• _REQUIRED WORK_: When you reach the line that contains "#146=IFCINDEXEDPOLYGONALFACE((2,5,17,14));" in the data below, start reproducing lines exactly, and stop after the line that contains "#151=IFCINDEXEDPOLYGONALFACE((7,10,22,19));".

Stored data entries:
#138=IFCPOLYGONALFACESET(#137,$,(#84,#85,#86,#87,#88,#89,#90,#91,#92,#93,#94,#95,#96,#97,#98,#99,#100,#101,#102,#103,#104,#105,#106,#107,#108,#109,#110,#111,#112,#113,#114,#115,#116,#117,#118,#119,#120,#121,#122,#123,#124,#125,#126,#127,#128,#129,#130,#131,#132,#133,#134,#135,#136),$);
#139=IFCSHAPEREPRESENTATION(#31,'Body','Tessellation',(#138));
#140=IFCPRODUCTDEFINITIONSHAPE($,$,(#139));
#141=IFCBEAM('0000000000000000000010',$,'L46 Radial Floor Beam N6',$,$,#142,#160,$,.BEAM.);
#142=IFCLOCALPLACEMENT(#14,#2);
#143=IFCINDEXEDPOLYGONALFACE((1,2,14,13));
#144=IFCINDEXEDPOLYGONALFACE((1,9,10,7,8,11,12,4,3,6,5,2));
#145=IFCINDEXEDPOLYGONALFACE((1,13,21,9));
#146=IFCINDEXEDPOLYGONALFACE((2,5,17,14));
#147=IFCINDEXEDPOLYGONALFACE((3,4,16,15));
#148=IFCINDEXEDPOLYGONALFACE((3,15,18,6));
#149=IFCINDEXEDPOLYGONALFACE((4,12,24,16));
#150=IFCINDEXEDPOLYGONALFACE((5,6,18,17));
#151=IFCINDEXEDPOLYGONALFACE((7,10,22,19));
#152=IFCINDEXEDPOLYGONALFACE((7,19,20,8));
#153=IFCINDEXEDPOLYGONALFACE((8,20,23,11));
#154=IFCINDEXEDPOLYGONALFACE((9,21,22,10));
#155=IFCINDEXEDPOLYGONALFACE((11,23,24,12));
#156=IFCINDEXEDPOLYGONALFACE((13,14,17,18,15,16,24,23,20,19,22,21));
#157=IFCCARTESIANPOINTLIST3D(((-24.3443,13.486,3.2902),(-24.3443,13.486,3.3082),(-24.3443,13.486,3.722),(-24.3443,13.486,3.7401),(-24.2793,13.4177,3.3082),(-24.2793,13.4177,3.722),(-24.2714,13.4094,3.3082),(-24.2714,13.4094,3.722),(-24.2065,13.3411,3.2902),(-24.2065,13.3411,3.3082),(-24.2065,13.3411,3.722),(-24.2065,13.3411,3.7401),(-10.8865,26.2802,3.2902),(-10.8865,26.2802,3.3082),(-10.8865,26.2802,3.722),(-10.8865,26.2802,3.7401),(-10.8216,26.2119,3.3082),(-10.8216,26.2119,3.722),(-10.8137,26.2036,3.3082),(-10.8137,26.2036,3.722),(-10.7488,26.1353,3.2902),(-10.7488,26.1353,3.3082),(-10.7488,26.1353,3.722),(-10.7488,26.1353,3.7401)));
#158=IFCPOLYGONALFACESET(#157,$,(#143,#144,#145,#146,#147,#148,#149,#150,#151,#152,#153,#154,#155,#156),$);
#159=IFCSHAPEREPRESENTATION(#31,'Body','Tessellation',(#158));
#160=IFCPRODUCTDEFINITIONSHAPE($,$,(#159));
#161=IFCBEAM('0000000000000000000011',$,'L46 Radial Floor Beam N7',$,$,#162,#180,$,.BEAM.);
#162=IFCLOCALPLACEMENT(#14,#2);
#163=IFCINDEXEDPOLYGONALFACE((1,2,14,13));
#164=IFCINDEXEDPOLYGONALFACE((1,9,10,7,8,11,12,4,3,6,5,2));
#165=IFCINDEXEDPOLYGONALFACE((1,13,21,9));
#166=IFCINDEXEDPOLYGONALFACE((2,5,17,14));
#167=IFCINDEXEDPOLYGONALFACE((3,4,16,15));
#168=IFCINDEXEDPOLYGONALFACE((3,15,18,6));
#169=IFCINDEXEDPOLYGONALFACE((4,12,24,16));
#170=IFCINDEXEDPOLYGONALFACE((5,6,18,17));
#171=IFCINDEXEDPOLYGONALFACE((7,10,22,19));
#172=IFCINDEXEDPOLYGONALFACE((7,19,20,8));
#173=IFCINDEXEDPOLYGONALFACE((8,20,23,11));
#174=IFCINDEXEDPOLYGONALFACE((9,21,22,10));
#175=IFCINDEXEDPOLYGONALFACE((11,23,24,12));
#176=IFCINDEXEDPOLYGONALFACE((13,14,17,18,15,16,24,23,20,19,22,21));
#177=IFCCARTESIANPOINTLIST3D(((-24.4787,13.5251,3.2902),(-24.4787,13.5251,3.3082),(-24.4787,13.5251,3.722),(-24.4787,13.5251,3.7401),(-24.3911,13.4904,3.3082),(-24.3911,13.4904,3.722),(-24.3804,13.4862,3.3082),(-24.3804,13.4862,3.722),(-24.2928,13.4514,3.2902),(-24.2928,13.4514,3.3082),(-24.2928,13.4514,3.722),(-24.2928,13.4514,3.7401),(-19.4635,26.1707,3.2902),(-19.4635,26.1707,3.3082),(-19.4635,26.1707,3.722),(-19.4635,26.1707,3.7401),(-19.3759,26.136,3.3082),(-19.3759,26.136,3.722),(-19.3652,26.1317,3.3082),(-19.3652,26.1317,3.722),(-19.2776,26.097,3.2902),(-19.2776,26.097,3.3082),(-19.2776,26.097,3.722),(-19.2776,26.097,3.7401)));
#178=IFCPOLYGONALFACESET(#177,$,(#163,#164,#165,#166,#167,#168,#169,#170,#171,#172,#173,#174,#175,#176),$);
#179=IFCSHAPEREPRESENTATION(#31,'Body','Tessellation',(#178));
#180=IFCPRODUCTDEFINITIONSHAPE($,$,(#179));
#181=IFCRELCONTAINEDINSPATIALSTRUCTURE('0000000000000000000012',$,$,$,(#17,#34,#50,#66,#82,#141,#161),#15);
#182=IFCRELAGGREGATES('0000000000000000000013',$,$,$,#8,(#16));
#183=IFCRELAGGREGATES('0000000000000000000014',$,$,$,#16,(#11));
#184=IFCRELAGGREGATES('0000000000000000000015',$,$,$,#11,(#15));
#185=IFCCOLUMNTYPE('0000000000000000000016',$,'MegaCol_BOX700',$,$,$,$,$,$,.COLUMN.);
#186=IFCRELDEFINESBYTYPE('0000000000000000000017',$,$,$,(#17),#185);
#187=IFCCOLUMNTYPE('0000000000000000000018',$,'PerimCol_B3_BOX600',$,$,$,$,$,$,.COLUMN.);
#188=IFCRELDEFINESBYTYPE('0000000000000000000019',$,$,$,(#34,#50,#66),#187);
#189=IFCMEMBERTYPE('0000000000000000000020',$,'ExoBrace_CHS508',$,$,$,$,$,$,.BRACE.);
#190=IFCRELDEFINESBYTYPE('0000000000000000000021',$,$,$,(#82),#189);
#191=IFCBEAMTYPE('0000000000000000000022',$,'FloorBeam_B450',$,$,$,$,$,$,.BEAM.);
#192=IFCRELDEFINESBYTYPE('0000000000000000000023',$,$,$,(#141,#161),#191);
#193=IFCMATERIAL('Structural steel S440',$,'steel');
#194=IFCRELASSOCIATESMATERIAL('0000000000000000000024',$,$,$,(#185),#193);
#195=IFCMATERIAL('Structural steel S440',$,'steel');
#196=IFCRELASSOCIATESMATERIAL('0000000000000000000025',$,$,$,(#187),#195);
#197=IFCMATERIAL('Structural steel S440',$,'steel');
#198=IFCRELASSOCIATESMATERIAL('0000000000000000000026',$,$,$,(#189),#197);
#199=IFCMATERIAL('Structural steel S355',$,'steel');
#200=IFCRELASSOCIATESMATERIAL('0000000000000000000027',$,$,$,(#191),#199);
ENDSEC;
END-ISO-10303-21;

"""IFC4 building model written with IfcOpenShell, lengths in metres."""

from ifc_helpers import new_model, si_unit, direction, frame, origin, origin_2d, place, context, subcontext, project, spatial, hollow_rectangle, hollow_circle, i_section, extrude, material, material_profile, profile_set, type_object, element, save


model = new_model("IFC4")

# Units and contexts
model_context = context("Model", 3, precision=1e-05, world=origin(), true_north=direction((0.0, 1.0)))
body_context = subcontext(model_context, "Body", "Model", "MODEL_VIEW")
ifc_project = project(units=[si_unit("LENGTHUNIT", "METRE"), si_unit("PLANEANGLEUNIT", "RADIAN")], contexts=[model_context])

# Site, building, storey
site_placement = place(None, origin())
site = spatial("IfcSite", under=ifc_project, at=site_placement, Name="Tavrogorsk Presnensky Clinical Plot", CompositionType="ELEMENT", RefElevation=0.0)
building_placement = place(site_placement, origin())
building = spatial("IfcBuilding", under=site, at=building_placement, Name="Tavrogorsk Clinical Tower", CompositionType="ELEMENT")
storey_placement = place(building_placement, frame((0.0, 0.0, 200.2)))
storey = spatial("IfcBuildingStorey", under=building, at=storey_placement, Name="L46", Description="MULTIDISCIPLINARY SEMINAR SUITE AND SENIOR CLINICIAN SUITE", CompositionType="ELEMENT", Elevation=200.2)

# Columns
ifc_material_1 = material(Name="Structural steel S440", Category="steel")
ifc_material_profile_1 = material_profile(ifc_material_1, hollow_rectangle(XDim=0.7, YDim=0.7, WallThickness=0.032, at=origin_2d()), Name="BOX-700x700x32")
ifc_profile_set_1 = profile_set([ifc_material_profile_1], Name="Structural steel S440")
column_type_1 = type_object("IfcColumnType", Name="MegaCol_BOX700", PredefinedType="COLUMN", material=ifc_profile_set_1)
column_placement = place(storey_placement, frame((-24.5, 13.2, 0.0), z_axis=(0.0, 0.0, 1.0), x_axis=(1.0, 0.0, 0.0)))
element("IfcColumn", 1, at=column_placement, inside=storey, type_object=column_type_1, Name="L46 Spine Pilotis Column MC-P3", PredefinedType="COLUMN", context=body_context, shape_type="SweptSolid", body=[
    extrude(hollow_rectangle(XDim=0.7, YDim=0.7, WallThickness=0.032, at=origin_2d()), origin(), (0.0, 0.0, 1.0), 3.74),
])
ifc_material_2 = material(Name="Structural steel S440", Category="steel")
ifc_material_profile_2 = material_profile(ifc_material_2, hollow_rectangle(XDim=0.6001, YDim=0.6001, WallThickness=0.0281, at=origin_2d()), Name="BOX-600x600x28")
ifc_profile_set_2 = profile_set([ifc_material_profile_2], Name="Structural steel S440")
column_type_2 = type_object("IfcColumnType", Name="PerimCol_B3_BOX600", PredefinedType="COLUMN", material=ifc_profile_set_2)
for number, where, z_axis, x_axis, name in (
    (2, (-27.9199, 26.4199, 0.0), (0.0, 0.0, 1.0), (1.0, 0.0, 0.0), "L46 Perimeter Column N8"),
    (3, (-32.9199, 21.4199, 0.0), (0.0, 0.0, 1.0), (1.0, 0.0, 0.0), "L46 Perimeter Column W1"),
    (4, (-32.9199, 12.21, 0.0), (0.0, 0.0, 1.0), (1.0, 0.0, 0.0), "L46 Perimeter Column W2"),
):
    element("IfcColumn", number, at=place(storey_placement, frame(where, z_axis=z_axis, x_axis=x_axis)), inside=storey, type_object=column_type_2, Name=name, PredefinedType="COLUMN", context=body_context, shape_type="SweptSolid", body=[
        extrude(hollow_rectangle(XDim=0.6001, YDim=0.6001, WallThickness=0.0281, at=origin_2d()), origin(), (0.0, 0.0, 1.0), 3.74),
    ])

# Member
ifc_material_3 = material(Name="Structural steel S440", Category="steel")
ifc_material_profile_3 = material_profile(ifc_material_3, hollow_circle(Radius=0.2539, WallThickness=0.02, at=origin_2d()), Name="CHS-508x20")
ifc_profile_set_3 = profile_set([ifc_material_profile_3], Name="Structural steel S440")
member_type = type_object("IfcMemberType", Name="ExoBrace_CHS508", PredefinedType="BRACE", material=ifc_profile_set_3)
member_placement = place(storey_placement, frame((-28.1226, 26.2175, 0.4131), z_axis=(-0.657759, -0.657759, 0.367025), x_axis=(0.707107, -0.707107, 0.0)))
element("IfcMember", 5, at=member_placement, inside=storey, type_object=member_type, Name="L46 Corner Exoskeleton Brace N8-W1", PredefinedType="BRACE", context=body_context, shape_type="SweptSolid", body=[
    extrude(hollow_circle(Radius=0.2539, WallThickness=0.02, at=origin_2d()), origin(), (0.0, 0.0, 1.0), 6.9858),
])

• _EXERCISE OUTPUT_:
#146=IFCINDEXEDPOLYGONALFACE((2,5,17,14));
#147=IFCINDEXEDPOLYGONALFACE((3,4,16,15));
#148=IFCINDEXEDPOLYGONALFACE((3,15,18,6));
#149=IFCINDEXEDPOLYGONALFACE((4,12,24,16));
#150=IFCINDEXEDPOLYGONALFACE((5,6,18,17));
#151=IFCINDEXEDPOLYGONALFACE((7,10,22,19));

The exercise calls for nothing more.